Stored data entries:
-- -- --

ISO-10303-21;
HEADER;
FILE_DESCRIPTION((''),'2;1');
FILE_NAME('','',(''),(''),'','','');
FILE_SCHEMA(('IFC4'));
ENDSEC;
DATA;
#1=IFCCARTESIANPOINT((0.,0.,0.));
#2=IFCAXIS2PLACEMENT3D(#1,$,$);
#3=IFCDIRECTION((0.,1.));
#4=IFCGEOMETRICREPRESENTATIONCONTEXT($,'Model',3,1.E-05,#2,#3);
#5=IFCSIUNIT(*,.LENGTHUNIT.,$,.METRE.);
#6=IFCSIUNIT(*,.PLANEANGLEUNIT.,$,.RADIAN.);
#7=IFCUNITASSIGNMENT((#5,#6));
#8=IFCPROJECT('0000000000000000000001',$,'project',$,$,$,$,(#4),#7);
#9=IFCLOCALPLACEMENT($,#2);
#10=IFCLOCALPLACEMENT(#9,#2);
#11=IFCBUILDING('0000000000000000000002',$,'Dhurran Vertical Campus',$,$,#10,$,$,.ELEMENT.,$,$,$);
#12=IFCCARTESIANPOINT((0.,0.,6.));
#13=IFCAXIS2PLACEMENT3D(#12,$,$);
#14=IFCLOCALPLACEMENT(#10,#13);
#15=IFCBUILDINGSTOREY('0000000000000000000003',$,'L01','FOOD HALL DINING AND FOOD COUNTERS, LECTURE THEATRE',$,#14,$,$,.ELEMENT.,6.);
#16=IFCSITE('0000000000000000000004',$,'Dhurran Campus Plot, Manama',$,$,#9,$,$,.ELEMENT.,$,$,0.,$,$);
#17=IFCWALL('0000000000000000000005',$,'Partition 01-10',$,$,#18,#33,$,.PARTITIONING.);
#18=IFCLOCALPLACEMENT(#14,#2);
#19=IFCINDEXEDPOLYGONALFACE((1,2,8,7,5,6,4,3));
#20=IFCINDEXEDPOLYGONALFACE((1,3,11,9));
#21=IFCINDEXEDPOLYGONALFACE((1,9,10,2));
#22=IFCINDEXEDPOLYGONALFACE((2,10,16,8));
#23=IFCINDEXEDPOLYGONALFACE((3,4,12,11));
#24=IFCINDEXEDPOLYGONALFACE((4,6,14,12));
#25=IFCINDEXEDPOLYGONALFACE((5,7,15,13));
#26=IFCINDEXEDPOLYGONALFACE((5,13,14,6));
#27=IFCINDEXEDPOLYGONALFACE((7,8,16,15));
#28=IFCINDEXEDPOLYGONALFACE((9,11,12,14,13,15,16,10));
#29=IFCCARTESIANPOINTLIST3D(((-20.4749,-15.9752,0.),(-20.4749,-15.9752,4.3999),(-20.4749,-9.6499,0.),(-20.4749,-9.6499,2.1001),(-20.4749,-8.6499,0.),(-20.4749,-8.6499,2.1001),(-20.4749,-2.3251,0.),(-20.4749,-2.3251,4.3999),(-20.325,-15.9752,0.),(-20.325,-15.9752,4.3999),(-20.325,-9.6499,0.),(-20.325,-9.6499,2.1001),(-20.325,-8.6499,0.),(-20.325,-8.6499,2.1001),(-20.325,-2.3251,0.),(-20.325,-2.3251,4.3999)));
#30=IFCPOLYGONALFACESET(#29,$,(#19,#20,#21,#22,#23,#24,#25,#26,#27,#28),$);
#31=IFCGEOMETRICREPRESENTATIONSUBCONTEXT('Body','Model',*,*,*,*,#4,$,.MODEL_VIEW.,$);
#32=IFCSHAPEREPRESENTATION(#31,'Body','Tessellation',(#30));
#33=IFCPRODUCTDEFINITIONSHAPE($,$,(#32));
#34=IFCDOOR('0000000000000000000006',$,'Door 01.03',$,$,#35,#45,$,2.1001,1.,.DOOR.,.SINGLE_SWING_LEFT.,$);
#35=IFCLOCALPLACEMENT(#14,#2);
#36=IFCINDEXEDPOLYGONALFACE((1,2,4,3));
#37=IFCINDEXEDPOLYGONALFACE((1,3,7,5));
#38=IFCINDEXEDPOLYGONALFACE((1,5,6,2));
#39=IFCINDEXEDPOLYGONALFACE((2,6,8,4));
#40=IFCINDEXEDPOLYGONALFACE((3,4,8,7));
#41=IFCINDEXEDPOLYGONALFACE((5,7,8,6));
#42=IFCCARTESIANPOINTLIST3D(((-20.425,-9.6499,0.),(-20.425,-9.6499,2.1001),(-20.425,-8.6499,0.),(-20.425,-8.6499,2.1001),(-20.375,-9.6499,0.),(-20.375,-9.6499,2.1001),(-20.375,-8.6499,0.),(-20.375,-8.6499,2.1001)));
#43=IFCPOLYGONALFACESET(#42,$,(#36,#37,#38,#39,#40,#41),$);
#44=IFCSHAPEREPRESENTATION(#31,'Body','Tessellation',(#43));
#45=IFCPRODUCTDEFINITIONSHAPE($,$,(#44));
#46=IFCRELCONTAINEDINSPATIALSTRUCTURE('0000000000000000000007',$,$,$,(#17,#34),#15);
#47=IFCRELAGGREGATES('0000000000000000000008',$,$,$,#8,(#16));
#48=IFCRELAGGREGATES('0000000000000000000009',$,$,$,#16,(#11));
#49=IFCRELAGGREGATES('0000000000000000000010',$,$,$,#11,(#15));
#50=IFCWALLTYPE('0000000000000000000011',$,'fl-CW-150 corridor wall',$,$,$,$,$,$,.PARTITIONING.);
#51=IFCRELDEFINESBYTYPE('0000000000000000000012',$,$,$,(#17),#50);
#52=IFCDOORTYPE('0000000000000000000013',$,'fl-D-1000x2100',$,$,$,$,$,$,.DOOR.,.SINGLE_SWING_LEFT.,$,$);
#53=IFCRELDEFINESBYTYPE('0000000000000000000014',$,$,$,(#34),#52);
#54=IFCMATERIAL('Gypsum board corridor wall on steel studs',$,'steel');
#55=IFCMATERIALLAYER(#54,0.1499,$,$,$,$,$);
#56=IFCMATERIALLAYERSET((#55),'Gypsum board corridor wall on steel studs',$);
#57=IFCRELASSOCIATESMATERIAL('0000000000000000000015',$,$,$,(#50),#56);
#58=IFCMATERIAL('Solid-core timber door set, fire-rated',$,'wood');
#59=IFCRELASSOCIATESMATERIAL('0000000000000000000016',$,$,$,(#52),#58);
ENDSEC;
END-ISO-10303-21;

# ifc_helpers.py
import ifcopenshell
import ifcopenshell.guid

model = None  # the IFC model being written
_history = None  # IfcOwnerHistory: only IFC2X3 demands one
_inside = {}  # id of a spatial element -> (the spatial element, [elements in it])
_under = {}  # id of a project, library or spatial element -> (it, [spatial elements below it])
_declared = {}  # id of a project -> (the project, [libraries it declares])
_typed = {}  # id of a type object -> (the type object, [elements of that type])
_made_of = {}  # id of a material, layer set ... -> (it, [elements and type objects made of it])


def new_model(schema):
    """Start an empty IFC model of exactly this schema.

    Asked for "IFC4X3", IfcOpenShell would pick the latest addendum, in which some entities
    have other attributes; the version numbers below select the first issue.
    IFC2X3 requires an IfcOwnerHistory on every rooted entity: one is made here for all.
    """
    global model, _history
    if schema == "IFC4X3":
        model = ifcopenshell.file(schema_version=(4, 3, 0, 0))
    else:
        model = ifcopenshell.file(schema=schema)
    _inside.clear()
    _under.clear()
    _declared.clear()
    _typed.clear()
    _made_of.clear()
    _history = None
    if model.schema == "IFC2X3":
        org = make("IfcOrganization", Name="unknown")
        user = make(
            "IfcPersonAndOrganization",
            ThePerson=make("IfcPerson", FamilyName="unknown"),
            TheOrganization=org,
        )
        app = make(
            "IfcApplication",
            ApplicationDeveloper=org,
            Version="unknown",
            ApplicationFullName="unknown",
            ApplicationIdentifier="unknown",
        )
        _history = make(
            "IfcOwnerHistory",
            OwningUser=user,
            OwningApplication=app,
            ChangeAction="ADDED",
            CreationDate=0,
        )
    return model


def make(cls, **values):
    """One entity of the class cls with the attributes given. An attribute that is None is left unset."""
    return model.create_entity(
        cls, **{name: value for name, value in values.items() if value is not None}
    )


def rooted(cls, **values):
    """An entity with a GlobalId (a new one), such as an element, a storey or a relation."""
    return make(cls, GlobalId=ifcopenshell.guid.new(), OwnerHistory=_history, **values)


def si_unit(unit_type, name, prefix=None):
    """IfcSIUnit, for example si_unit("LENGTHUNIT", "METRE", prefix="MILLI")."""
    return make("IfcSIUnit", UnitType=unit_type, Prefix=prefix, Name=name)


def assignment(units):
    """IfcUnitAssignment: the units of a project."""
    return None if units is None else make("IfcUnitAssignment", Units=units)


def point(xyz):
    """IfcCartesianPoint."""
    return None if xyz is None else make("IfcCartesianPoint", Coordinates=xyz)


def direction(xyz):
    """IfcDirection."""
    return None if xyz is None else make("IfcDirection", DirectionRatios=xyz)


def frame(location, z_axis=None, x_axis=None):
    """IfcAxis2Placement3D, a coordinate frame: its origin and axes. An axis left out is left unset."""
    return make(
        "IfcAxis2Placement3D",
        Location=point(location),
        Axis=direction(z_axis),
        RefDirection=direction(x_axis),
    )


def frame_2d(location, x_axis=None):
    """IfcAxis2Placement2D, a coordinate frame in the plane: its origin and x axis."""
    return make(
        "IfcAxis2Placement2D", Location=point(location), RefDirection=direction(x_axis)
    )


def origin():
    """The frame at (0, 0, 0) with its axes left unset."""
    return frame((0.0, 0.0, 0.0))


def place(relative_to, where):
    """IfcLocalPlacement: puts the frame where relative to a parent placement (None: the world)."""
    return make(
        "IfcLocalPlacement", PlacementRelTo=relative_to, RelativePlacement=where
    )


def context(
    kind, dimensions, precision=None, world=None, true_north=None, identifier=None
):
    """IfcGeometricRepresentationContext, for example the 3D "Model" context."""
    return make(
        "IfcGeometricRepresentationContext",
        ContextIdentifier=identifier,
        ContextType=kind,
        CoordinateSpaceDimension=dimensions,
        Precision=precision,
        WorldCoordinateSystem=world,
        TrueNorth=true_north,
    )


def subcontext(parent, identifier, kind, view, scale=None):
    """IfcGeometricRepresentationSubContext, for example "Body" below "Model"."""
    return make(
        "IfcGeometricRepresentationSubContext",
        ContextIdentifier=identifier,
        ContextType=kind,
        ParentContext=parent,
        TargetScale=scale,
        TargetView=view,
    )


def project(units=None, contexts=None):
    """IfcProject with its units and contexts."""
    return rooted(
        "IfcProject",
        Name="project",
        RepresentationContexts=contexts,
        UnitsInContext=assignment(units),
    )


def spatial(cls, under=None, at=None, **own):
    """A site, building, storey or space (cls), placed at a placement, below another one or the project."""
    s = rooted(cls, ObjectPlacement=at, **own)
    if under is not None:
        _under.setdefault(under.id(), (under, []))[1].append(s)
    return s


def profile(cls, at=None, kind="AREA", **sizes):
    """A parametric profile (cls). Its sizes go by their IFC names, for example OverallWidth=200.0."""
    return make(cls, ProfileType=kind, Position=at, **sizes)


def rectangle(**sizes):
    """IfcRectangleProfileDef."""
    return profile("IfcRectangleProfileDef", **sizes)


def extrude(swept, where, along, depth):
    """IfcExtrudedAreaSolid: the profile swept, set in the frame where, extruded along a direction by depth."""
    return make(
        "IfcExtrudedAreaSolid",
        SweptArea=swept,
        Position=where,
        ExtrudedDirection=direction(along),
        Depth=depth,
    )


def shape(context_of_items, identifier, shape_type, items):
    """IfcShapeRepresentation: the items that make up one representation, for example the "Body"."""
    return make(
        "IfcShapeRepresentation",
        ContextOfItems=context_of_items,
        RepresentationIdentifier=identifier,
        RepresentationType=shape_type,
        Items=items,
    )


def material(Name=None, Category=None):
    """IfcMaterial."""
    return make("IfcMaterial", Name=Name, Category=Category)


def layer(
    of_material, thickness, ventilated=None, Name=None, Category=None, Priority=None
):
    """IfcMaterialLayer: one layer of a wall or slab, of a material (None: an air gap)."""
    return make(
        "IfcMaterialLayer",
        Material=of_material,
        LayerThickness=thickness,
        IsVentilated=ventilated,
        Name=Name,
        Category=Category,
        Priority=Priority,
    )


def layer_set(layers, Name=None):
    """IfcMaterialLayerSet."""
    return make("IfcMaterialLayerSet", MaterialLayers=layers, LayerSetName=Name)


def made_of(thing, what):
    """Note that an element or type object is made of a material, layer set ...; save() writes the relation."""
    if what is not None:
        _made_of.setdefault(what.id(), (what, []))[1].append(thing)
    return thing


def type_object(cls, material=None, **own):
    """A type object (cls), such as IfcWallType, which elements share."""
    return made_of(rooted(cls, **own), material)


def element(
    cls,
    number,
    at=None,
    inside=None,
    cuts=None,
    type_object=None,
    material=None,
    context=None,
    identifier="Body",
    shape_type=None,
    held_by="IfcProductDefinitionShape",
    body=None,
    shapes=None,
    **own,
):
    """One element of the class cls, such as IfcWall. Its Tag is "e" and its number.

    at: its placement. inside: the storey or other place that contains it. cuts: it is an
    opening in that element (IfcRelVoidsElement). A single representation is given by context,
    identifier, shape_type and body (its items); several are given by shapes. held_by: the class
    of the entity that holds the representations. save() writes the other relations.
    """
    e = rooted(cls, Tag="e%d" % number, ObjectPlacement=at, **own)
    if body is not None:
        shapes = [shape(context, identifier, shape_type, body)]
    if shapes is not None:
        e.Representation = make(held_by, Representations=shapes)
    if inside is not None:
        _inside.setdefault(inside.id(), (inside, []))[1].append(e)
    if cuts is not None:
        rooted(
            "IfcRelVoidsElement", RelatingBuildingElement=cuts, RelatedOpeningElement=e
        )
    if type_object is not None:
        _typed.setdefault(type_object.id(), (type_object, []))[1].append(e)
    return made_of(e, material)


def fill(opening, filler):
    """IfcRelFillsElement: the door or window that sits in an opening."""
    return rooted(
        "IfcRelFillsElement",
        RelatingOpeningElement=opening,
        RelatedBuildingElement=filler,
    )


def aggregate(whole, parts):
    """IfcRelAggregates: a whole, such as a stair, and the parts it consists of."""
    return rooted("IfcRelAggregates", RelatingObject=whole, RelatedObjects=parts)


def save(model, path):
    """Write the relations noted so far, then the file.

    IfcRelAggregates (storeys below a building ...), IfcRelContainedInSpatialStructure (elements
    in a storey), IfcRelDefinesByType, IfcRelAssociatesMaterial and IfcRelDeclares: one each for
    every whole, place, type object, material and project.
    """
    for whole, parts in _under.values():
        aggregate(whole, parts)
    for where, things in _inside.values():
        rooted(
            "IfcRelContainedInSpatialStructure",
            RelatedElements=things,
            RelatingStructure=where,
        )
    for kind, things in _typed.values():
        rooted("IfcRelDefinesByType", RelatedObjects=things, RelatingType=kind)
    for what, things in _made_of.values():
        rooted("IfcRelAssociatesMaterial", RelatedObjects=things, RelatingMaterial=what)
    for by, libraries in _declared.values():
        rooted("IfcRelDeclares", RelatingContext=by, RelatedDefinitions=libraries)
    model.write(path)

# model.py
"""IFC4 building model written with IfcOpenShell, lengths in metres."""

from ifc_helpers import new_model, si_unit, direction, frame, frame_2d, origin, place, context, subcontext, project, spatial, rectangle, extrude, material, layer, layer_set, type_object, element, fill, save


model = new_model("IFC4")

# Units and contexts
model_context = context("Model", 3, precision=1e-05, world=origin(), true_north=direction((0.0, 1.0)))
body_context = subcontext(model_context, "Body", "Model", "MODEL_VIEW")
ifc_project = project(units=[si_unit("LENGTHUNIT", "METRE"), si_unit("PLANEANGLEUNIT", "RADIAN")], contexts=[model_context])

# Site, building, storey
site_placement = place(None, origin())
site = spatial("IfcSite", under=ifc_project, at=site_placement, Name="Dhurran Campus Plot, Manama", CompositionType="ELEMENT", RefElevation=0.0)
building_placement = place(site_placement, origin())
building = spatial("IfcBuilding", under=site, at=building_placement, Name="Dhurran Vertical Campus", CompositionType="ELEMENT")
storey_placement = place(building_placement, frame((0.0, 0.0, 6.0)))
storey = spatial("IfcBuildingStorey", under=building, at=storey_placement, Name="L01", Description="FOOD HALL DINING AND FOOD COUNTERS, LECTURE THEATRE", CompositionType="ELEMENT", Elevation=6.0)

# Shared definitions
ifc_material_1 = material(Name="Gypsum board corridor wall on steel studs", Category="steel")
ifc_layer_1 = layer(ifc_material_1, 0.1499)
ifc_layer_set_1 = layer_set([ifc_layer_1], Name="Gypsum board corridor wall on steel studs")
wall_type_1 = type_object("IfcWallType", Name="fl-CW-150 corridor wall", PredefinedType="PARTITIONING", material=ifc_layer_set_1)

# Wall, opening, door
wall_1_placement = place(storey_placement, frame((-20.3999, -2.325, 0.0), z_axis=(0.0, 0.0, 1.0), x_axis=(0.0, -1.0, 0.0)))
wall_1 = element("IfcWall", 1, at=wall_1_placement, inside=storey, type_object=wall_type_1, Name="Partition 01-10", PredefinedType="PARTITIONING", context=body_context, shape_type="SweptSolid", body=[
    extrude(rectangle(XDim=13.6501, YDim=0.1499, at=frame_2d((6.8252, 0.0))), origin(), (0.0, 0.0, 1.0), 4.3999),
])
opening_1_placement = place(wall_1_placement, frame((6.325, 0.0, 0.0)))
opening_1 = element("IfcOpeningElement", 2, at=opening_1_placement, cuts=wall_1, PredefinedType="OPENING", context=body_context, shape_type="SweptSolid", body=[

-- -- --

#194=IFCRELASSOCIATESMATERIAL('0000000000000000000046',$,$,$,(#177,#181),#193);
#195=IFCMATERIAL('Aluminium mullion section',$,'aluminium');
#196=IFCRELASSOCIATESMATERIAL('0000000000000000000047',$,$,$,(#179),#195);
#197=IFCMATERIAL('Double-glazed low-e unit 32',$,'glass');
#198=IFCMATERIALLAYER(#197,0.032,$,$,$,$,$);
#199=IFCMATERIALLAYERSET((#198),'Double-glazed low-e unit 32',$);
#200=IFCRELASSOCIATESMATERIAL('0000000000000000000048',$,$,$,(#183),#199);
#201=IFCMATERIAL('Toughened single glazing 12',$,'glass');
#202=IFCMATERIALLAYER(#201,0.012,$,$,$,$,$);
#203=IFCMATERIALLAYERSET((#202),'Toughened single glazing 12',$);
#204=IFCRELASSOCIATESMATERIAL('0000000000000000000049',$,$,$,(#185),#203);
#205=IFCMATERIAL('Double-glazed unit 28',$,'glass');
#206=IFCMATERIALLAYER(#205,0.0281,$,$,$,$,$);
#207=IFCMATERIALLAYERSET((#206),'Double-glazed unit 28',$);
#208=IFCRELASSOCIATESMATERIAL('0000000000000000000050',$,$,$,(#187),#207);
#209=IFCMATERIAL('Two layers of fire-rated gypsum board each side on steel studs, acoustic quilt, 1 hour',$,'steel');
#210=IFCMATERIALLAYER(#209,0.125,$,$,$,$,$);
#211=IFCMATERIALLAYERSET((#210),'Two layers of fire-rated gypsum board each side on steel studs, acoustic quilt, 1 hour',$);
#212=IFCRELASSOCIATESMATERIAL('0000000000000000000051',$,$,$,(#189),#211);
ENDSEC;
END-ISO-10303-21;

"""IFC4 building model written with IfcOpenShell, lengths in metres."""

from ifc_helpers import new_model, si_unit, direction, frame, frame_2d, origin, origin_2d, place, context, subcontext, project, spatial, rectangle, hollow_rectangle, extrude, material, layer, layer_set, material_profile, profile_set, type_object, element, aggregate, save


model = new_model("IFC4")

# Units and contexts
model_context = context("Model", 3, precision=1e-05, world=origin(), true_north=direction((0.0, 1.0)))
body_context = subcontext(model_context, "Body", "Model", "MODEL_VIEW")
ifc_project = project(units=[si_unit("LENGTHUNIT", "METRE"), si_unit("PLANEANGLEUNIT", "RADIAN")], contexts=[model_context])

-- -- --

What is required:
A single number is expected: how many lines of the data hold the string "that".

Solution:
8